◆ WHAT TO DO ◆
Each line in the records below, from the one that contains "#79=IFCINDEXEDPOLYGONALFACE((2,6,8,4));" to the one that contains "#104=IFCINDEXEDPOLYGONALFACE((3,4,8,7));", should be reproduced exactly, the first and last included.

>>>

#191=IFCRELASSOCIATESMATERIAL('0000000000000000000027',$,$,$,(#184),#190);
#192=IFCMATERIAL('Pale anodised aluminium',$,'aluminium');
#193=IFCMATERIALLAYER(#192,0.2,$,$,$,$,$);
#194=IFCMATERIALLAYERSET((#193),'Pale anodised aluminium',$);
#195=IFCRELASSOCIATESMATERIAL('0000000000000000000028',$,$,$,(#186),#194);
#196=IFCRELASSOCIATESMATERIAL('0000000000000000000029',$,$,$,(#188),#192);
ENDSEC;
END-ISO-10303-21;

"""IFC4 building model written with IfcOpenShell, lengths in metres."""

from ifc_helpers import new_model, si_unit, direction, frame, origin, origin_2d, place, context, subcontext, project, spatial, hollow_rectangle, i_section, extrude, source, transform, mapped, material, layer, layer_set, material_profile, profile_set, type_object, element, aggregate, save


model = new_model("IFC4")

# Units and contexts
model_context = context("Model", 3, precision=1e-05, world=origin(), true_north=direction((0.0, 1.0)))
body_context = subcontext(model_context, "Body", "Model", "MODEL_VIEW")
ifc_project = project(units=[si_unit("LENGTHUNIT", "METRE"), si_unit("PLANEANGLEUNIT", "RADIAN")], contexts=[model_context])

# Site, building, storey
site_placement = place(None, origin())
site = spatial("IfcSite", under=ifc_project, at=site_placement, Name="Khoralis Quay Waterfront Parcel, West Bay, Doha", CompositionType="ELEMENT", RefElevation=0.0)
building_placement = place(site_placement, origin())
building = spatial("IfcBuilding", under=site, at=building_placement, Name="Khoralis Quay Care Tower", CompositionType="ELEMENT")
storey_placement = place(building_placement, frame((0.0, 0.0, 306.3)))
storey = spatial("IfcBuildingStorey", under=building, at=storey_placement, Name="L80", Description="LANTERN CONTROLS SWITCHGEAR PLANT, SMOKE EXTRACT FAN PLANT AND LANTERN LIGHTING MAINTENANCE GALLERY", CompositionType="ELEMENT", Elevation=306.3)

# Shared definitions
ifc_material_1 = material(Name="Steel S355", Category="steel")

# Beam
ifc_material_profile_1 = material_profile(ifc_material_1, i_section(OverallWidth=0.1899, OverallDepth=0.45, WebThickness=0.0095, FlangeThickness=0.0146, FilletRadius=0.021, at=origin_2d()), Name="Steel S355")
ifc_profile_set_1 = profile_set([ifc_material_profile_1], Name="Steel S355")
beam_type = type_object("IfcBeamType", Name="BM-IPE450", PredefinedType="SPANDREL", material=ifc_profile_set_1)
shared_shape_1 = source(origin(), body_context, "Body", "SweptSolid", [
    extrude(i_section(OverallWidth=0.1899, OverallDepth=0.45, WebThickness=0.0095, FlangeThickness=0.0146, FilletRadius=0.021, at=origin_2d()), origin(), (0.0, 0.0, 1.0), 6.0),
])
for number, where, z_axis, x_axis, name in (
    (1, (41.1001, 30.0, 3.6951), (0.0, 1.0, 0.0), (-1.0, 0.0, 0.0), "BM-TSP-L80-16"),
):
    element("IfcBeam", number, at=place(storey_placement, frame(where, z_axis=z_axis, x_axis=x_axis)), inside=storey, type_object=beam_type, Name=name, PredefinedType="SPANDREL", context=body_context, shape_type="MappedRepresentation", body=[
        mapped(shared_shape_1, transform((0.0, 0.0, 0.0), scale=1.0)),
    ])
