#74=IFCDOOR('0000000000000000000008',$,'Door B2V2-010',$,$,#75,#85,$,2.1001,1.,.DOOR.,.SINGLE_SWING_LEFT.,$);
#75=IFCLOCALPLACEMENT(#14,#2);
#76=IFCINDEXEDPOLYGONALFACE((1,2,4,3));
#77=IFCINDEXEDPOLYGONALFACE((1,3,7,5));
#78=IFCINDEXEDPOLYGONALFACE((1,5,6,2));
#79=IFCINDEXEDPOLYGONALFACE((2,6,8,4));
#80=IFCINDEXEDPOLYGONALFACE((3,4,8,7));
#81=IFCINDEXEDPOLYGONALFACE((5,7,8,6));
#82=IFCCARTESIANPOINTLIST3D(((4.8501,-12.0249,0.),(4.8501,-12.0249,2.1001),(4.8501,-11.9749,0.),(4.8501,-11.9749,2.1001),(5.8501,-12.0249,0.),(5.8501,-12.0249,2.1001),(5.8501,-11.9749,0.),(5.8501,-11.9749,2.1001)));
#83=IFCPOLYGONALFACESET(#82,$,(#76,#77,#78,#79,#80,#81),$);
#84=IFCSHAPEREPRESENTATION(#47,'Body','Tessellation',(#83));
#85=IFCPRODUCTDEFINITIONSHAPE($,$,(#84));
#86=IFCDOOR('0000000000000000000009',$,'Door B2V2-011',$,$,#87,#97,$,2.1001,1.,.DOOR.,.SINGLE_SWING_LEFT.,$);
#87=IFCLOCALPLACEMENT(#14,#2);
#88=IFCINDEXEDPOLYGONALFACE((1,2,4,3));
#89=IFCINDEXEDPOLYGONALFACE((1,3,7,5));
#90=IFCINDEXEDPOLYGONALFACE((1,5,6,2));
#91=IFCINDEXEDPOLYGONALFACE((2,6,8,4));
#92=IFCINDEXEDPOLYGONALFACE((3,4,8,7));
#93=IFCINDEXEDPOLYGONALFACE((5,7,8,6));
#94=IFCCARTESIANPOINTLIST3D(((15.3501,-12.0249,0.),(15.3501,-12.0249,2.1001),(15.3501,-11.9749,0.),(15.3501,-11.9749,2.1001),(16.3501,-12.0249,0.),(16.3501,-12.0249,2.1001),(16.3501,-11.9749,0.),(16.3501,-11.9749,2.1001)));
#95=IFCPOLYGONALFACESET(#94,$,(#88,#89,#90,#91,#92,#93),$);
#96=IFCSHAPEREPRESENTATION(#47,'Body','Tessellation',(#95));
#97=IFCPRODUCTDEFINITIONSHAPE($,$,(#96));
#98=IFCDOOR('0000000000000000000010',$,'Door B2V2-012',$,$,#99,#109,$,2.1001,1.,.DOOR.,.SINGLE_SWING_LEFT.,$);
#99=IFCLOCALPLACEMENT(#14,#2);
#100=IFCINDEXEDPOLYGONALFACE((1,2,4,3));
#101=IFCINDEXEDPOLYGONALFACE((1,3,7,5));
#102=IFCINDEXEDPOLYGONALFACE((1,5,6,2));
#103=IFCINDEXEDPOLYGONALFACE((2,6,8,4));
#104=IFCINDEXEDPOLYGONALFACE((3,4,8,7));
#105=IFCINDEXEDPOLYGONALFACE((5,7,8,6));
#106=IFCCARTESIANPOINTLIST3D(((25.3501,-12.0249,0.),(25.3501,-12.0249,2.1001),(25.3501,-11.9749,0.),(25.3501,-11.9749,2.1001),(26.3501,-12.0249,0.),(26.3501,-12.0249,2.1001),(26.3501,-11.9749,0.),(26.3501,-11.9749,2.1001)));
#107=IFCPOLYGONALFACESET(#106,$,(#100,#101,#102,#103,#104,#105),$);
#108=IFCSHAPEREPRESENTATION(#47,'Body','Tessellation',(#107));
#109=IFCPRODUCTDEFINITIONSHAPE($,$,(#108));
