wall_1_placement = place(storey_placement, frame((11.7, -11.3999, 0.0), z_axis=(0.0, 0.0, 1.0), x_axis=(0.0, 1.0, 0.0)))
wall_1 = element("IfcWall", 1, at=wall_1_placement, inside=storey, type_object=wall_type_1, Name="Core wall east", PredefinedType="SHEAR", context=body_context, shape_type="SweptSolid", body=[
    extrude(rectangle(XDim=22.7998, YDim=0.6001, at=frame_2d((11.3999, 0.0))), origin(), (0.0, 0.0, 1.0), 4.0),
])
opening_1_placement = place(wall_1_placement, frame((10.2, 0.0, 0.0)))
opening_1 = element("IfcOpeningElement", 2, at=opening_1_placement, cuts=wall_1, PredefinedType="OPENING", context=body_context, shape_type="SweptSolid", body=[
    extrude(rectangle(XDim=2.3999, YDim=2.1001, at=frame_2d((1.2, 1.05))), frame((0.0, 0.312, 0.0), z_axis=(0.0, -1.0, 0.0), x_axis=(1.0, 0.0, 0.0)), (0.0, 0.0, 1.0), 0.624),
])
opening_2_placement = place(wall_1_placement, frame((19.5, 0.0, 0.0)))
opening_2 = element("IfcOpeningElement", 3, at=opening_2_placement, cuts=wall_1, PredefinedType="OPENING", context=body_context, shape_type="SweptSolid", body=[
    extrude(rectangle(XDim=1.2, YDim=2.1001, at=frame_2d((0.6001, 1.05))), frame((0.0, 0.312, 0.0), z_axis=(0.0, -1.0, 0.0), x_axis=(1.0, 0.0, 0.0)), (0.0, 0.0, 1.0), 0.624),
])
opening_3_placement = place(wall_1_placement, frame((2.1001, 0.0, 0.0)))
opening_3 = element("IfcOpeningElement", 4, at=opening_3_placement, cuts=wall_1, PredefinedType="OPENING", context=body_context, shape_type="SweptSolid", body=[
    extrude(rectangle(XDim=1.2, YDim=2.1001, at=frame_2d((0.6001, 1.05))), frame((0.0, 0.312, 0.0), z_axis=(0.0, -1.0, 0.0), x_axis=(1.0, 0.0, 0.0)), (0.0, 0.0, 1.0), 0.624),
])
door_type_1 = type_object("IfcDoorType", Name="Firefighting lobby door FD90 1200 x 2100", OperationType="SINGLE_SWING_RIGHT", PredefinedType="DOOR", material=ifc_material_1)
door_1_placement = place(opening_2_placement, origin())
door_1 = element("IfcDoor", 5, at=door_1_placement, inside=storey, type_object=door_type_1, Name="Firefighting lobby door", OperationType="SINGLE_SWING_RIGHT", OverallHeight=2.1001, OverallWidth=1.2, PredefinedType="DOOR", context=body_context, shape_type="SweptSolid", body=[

<<<
>>>

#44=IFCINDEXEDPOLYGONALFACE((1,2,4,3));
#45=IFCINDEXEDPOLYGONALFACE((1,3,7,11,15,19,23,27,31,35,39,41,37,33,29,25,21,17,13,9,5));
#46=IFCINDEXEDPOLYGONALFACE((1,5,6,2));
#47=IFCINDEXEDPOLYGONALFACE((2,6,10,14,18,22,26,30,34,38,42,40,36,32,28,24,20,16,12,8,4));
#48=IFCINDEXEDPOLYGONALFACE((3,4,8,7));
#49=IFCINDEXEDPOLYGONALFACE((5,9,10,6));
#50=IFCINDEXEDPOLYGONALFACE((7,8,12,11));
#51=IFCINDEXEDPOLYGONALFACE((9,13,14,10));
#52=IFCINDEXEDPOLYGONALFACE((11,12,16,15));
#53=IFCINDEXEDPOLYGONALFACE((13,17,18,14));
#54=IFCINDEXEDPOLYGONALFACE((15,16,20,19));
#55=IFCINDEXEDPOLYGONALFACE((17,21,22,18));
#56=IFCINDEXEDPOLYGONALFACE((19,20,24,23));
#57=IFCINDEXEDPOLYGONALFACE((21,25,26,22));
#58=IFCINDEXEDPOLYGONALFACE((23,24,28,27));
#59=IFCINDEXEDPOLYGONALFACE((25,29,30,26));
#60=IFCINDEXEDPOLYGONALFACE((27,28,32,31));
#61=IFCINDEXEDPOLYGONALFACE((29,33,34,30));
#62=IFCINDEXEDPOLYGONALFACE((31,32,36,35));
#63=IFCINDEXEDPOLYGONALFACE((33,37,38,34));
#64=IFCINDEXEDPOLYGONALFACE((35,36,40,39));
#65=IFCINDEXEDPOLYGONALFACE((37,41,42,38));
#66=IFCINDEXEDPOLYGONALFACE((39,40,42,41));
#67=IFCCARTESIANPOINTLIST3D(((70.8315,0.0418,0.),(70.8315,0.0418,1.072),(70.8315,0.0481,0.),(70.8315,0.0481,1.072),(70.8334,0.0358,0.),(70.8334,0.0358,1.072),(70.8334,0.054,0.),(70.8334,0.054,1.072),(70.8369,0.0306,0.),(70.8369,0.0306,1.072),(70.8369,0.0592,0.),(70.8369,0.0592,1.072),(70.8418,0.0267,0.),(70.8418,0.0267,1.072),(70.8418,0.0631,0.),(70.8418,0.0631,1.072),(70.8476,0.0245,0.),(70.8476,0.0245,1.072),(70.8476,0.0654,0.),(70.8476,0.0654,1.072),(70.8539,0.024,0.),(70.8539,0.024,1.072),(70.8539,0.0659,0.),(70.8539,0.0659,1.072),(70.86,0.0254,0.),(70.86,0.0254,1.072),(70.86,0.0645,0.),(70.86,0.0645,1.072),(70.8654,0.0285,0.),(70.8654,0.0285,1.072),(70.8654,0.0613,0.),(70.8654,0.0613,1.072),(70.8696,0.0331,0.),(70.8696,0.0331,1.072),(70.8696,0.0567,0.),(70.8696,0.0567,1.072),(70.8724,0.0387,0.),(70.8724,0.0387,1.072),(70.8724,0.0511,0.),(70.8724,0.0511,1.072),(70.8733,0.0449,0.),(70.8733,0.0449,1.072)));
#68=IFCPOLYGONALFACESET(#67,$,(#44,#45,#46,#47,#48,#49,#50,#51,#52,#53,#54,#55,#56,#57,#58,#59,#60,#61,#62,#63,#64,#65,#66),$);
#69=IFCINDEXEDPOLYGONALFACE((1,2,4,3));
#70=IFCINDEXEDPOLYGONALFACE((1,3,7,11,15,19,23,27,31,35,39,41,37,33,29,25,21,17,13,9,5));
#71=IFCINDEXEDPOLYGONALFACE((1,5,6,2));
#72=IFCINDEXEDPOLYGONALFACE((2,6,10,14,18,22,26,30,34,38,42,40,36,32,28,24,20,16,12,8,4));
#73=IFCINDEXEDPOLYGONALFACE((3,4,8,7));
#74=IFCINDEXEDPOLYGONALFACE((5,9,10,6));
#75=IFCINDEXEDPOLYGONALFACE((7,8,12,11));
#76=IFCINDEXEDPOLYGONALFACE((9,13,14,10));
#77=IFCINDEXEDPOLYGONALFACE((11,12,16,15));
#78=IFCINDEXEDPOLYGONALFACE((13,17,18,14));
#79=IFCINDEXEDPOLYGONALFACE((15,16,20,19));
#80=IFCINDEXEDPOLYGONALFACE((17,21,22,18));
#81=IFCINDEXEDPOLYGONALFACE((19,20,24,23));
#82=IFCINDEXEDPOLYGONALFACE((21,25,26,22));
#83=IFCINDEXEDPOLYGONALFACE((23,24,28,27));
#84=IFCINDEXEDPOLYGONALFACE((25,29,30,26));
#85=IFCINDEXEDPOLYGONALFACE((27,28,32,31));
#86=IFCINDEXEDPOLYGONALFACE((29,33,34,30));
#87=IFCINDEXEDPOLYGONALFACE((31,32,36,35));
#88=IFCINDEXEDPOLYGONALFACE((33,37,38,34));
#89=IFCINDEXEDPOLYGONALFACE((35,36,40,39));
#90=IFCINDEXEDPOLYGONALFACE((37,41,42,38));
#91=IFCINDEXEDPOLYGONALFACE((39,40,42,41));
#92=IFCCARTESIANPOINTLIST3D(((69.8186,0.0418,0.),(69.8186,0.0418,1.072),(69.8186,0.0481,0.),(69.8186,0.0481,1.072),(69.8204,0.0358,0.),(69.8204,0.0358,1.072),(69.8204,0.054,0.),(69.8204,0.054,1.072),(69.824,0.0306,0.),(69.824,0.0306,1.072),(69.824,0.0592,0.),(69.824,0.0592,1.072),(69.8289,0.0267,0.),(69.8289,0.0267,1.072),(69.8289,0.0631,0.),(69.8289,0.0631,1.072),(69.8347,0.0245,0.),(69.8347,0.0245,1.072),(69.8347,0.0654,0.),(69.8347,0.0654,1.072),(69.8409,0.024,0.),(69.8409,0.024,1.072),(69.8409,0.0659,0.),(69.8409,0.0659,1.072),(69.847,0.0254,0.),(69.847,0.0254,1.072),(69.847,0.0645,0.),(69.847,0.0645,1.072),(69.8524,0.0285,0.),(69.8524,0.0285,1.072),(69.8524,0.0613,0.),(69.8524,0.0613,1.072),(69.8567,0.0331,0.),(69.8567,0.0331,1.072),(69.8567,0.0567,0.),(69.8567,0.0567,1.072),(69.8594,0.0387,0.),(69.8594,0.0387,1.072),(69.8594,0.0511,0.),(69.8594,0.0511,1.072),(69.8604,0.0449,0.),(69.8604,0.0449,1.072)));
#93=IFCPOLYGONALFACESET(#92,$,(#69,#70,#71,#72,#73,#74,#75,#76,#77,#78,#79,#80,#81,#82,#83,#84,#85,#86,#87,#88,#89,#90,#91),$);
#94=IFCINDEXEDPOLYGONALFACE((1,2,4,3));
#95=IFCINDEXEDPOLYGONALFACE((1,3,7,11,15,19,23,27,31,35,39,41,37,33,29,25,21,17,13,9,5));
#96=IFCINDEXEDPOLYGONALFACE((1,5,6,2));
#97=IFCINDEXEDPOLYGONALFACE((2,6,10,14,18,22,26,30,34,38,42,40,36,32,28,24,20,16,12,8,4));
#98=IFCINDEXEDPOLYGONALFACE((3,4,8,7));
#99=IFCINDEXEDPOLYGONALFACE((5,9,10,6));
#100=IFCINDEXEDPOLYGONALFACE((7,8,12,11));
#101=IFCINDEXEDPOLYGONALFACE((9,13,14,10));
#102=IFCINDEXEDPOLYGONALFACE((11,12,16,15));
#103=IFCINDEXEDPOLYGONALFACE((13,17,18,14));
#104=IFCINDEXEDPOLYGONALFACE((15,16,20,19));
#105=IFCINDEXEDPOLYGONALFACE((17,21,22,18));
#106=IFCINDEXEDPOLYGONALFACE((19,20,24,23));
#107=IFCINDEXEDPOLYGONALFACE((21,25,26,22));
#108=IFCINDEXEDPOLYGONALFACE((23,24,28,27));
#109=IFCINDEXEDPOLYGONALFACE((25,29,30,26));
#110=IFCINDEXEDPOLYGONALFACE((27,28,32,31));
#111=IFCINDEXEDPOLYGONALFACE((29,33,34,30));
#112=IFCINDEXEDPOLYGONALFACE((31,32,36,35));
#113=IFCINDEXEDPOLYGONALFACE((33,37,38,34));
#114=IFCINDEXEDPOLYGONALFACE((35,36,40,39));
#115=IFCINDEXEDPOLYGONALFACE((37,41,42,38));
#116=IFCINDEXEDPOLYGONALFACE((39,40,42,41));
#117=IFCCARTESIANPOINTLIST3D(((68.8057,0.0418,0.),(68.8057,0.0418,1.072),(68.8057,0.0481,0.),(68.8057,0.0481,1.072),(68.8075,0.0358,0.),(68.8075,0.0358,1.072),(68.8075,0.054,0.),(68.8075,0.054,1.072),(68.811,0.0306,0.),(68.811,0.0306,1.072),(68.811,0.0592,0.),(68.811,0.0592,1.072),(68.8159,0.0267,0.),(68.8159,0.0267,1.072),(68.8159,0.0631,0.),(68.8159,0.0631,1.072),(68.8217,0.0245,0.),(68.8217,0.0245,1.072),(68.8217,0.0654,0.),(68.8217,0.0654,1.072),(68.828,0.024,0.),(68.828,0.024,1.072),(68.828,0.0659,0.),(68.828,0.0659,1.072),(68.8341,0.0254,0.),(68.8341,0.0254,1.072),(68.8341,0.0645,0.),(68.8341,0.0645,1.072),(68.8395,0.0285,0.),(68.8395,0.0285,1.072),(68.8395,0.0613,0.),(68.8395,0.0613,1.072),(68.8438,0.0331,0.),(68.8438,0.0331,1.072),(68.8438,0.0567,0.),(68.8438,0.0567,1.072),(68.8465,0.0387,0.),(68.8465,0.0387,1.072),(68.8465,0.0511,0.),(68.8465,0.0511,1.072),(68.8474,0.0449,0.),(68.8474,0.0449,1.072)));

<<<
>>>

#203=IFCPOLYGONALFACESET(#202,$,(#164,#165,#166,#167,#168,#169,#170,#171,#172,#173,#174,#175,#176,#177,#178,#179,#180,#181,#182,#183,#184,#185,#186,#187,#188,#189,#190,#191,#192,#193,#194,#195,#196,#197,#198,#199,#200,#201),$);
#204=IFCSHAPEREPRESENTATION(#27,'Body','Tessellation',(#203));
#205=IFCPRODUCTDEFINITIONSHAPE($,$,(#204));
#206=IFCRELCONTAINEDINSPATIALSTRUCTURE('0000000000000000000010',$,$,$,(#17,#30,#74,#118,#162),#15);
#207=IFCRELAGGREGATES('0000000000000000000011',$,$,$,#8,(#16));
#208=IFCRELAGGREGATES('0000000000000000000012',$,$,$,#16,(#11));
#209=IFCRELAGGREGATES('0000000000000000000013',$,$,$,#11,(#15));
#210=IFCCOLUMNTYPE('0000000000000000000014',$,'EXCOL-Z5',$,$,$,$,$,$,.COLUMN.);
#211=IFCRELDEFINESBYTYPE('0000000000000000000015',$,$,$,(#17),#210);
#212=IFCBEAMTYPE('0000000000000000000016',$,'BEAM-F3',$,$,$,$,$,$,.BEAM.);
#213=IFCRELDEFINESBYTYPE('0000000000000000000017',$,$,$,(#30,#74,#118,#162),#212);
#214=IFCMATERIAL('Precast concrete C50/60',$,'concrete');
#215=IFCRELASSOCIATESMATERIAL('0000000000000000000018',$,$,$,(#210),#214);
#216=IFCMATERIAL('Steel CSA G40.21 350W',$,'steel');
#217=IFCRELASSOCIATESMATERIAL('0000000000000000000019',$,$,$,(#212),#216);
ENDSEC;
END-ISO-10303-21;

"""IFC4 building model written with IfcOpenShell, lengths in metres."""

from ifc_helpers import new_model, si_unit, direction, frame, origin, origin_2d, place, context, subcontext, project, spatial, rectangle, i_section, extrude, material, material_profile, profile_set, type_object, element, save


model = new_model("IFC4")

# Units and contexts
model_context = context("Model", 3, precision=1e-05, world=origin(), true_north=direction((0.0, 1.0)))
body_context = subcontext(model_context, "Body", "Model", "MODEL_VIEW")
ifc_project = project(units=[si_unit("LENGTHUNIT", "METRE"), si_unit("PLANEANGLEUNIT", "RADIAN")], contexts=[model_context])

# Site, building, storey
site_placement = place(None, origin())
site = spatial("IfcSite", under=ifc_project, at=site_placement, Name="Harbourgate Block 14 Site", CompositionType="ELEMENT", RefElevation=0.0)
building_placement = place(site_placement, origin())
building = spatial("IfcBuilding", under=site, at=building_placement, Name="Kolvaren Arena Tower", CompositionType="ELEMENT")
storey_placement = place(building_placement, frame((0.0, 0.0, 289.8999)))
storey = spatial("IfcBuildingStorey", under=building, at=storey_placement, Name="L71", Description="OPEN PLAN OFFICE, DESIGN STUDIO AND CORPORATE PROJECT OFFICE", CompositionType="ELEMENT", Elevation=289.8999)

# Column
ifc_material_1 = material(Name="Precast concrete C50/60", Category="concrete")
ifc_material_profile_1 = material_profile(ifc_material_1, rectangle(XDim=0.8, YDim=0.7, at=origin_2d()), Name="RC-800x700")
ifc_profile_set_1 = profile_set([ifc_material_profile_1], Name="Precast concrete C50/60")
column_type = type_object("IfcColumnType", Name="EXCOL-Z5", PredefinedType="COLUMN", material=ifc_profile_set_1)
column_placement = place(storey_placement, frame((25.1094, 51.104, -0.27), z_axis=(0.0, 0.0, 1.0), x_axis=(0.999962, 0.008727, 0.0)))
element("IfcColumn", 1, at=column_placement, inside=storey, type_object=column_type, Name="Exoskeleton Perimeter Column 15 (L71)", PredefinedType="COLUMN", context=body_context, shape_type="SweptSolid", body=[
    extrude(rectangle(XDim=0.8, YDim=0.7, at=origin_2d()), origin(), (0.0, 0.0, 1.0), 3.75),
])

<<<

◆ SOLUTION BELOW ◆
#79=IFCINDEXEDPOLYGONALFACE((2,6,8,4));
#80=IFCINDEXEDPOLYGONALFACE((3,4,8,7));
#81=IFCINDEXEDPOLYGONALFACE((5,7,8,6));
#82=IFCCARTESIANPOINTLIST3D(((4.8501,-12.0249,0.),(4.8501,-12.0249,2.1001),(4.8501,-11.9749,0.),(4.8501,-11.9749,2.1001),(5.8501,-12.0249,0.),(5.8501,-12.0249,2.1001),(5.8501,-11.9749,0.),(5.8501,-11.9749,2.1001)));
#83=IFCPOLYGONALFACESET(#82,$,(#76,#77,#78,#79,#80,#81),$);
#84=IFCSHAPEREPRESENTATION(#47,'Body','Tessellation',(#83));
#85=IFCPRODUCTDEFINITIONSHAPE($,$,(#84));
#86=IFCDOOR('0000000000000000000009',$,'Door B2V2-011',$,$,#87,#97,$,2.1001,1.,.DOOR.,.SINGLE_SWING_LEFT.,$);
#87=IFCLOCALPLACEMENT(#14,#2);
#88=IFCINDEXEDPOLYGONALFACE((1,2,4,3));
#89=IFCINDEXEDPOLYGONALFACE((1,3,7,5));
#90=IFCINDEXEDPOLYGONALFACE((1,5,6,2));
#91=IFCINDEXEDPOLYGONALFACE((2,6,8,4));
#92=IFCINDEXEDPOLYGONALFACE((3,4,8,7));
#93=IFCINDEXEDPOLYGONALFACE((5,7,8,6));
#94=IFCCARTESIANPOINTLIST3D(((15.3501,-12.0249,0.),(15.3501,-12.0249,2.1001),(15.3501,-11.9749,0.),(15.3501,-11.9749,2.1001),(16.3501,-12.0249,0.),(16.3501,-12.0249,2.1001),(16.3501,-11.9749,0.),(16.3501,-11.9749,2.1001)));
#95=IFCPOLYGONALFACESET(#94,$,(#88,#89,#90,#91,#92,#93),$);
#96=IFCSHAPEREPRESENTATION(#47,'Body','Tessellation',(#95));
#97=IFCPRODUCTDEFINITIONSHAPE($,$,(#96));
#98=IFCDOOR('0000000000000000000010',$,'Door B2V2-012',$,$,#99,#109,$,2.1001,1.,.DOOR.,.SINGLE_SWING_LEFT.,$);
#99=IFCLOCALPLACEMENT(#14,#2);
#100=IFCINDEXEDPOLYGONALFACE((1,2,4,3));
#101=IFCINDEXEDPOLYGONALFACE((1,3,7,5));
#102=IFCINDEXEDPOLYGONALFACE((1,5,6,2));
#103=IFCINDEXEDPOLYGONALFACE((2,6,8,4));
#104=IFCINDEXEDPOLYGONALFACE((3,4,8,7));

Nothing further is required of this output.